What is needed: Look through the entries below and count every line in which "IFCMATERIALLAYERSET" appears; reply with the number only.

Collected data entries
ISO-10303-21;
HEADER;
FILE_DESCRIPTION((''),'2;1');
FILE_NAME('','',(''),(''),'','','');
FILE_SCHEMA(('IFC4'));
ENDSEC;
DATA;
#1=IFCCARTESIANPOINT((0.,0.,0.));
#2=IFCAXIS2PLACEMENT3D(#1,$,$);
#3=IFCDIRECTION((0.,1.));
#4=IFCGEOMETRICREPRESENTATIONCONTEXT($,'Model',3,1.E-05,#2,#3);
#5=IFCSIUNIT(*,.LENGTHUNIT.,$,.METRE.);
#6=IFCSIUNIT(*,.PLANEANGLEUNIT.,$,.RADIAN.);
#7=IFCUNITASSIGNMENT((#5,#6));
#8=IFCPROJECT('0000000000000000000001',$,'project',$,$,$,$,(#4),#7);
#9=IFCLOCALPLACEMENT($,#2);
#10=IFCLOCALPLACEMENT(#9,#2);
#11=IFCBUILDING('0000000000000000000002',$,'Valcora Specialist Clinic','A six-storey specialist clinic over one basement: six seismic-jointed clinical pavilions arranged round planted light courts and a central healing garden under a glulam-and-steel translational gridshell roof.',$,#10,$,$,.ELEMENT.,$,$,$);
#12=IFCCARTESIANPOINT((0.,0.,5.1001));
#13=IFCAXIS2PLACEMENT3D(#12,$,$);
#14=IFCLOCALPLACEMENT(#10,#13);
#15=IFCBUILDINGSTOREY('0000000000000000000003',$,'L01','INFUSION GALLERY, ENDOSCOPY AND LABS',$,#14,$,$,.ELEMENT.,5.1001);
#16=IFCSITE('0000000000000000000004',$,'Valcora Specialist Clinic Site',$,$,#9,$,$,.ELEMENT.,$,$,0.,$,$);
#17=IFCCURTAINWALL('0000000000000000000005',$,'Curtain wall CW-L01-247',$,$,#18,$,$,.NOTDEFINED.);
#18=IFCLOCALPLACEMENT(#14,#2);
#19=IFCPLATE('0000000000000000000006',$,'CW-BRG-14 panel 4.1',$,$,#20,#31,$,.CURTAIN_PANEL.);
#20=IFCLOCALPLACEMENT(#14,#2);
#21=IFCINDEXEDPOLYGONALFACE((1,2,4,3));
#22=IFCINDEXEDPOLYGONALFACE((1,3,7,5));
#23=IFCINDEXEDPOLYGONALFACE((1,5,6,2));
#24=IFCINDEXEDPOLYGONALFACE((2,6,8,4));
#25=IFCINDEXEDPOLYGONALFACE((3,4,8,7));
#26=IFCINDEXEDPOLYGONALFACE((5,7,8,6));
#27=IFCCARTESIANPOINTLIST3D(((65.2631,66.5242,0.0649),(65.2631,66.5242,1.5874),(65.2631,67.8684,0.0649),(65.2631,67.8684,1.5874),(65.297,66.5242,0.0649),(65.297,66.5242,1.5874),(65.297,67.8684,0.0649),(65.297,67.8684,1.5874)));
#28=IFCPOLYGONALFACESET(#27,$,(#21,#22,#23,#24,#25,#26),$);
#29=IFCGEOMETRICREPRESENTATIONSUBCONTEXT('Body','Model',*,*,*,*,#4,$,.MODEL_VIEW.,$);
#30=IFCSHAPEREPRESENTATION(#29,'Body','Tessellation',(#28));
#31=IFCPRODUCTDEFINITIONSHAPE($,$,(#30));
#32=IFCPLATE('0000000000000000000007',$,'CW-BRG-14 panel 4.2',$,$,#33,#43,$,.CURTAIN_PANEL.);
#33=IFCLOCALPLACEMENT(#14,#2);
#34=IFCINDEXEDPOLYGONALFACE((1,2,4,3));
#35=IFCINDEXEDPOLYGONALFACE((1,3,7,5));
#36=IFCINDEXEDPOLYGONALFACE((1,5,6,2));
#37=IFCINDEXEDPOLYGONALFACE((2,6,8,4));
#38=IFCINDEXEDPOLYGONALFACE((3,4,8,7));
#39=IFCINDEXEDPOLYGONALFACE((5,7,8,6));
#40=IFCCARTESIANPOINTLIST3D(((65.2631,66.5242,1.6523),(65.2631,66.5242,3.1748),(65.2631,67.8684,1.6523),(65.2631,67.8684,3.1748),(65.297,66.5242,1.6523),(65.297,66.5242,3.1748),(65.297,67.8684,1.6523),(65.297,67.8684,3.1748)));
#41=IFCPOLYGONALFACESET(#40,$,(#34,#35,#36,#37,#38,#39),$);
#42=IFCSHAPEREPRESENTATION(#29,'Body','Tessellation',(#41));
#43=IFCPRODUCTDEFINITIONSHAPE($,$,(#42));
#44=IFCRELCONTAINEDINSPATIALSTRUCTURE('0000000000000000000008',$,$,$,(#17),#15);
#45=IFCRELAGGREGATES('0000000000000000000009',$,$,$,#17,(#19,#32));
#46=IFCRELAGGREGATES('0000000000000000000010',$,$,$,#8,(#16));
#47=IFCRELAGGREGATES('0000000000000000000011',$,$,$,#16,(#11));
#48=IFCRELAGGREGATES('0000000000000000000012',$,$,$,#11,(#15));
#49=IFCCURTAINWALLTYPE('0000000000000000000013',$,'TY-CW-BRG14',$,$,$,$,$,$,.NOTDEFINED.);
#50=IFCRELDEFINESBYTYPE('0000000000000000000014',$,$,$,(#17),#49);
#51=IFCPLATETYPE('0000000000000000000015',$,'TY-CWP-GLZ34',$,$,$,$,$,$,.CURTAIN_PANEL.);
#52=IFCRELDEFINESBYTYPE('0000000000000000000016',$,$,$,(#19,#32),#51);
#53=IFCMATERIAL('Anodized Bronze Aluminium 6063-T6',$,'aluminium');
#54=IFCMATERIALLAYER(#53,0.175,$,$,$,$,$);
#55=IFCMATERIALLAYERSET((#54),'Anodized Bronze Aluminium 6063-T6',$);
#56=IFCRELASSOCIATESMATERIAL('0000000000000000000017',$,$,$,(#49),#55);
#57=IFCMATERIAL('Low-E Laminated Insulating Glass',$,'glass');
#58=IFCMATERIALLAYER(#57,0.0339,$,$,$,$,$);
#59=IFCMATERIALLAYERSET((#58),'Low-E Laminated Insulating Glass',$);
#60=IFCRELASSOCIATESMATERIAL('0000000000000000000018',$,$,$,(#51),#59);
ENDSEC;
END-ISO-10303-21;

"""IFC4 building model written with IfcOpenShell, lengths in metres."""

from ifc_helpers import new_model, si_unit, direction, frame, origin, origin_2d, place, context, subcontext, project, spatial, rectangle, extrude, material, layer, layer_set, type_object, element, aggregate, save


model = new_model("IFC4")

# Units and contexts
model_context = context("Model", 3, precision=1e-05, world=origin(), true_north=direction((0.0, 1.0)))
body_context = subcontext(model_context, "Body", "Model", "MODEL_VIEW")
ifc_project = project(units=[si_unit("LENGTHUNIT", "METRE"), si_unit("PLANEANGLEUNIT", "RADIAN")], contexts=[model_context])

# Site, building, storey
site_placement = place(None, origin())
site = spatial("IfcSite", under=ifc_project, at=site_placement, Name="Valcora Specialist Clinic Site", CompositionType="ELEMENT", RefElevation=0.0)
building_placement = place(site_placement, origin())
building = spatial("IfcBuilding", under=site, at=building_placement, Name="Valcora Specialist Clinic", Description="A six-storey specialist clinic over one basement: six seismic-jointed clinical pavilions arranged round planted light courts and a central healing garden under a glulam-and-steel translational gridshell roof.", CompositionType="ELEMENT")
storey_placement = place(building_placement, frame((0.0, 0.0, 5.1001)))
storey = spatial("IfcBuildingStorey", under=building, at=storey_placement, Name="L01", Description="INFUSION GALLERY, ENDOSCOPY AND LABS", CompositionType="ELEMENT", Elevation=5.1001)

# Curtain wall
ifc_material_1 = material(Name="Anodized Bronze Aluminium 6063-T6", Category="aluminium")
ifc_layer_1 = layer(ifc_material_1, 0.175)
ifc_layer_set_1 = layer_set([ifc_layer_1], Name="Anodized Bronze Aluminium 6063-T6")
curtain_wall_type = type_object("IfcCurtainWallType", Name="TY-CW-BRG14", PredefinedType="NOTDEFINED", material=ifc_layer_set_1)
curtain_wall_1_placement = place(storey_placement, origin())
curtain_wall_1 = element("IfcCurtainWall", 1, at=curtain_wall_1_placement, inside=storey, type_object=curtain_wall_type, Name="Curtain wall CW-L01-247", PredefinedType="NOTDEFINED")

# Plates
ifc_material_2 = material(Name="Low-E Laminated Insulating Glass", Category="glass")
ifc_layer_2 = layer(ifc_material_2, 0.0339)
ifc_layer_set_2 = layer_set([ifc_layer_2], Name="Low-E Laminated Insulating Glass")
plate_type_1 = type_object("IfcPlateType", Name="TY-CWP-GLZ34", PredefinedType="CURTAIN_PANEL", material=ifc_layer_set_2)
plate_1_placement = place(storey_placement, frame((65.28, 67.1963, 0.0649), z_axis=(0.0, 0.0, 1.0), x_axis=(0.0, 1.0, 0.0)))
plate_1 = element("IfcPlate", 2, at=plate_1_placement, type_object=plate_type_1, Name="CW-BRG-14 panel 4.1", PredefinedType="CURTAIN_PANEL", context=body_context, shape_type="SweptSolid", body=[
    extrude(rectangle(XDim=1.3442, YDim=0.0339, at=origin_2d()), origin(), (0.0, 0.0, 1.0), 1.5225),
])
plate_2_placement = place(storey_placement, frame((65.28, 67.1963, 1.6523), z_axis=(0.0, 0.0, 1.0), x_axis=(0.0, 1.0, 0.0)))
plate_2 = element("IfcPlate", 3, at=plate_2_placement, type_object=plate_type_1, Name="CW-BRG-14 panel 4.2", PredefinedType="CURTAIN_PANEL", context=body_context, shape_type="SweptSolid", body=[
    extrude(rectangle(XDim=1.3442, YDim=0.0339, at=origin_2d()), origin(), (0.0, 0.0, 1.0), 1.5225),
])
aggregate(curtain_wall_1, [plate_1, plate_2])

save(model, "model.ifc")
==
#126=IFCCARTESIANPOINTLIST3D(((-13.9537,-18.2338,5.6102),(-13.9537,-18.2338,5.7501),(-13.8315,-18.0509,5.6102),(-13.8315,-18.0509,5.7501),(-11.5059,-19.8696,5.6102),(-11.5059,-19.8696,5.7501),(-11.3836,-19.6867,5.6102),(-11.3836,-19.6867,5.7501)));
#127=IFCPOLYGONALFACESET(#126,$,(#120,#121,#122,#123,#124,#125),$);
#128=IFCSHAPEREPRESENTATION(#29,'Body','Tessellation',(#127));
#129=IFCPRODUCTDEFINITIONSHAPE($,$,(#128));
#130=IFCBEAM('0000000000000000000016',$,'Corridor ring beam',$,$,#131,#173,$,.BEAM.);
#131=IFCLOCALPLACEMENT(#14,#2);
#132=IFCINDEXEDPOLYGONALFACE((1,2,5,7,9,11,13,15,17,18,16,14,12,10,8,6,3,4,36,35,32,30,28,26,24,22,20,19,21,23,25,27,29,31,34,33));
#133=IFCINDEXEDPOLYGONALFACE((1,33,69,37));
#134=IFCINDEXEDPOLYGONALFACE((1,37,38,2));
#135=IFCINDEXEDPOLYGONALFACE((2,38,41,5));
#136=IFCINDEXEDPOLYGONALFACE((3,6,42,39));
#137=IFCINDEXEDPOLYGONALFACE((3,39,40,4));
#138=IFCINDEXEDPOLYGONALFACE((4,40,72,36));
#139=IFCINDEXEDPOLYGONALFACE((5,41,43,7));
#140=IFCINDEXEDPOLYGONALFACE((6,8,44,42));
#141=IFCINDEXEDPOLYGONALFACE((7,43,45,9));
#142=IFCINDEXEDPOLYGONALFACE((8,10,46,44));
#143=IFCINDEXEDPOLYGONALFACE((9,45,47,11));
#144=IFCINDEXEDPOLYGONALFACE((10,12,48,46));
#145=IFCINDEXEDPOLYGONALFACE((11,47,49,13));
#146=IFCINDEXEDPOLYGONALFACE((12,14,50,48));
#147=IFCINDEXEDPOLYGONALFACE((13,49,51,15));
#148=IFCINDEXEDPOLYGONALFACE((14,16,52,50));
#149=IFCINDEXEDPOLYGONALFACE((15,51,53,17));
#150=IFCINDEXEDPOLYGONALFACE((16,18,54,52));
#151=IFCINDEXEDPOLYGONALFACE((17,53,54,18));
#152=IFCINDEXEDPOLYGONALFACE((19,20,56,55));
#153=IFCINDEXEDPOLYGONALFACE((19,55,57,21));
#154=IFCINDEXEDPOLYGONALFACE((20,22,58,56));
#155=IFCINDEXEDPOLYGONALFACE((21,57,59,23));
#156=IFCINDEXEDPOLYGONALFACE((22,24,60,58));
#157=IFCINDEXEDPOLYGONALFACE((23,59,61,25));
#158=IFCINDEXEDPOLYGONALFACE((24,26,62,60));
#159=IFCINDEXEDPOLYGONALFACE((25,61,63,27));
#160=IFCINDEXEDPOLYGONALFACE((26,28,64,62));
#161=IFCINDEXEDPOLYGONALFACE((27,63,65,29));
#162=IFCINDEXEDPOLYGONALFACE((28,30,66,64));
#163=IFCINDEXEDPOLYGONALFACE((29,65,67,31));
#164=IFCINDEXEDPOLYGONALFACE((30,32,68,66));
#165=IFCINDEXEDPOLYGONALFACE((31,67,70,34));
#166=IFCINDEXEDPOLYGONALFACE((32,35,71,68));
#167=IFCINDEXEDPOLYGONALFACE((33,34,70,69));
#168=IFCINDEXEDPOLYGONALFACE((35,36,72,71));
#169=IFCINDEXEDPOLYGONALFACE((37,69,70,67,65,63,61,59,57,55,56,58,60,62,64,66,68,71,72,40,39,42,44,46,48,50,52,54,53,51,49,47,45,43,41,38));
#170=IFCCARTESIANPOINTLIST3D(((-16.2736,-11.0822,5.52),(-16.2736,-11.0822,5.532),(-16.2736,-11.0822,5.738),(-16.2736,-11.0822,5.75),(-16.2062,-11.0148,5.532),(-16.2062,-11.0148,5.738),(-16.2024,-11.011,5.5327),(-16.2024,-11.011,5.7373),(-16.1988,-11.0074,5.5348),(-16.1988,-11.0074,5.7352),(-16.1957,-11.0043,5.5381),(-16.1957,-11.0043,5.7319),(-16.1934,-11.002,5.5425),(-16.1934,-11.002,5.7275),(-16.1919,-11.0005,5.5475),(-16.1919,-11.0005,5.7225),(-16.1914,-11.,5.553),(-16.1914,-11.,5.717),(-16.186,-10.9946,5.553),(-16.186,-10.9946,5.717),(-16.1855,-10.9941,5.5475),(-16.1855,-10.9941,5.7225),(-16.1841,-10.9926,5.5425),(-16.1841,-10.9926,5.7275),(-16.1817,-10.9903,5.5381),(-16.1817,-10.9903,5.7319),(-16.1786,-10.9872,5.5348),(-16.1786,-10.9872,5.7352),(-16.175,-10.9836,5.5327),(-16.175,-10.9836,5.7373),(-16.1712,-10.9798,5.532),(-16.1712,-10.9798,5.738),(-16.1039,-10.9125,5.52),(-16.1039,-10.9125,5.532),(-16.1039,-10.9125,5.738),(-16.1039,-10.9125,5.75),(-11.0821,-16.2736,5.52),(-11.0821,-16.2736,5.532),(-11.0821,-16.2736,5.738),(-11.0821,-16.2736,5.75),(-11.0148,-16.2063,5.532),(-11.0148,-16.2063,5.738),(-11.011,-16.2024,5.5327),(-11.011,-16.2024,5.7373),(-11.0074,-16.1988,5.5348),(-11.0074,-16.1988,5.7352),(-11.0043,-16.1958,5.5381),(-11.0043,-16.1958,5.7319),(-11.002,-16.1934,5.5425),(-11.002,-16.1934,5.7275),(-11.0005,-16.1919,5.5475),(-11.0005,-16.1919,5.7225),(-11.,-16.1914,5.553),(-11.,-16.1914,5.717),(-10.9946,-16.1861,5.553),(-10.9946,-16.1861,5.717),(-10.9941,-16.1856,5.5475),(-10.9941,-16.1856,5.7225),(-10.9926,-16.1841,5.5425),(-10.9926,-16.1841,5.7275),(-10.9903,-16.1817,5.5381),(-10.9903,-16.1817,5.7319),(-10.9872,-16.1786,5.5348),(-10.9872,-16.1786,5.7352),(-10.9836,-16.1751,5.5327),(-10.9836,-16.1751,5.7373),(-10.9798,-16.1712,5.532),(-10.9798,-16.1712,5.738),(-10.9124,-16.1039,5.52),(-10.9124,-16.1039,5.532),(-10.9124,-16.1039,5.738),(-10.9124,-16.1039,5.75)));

Written answer: 2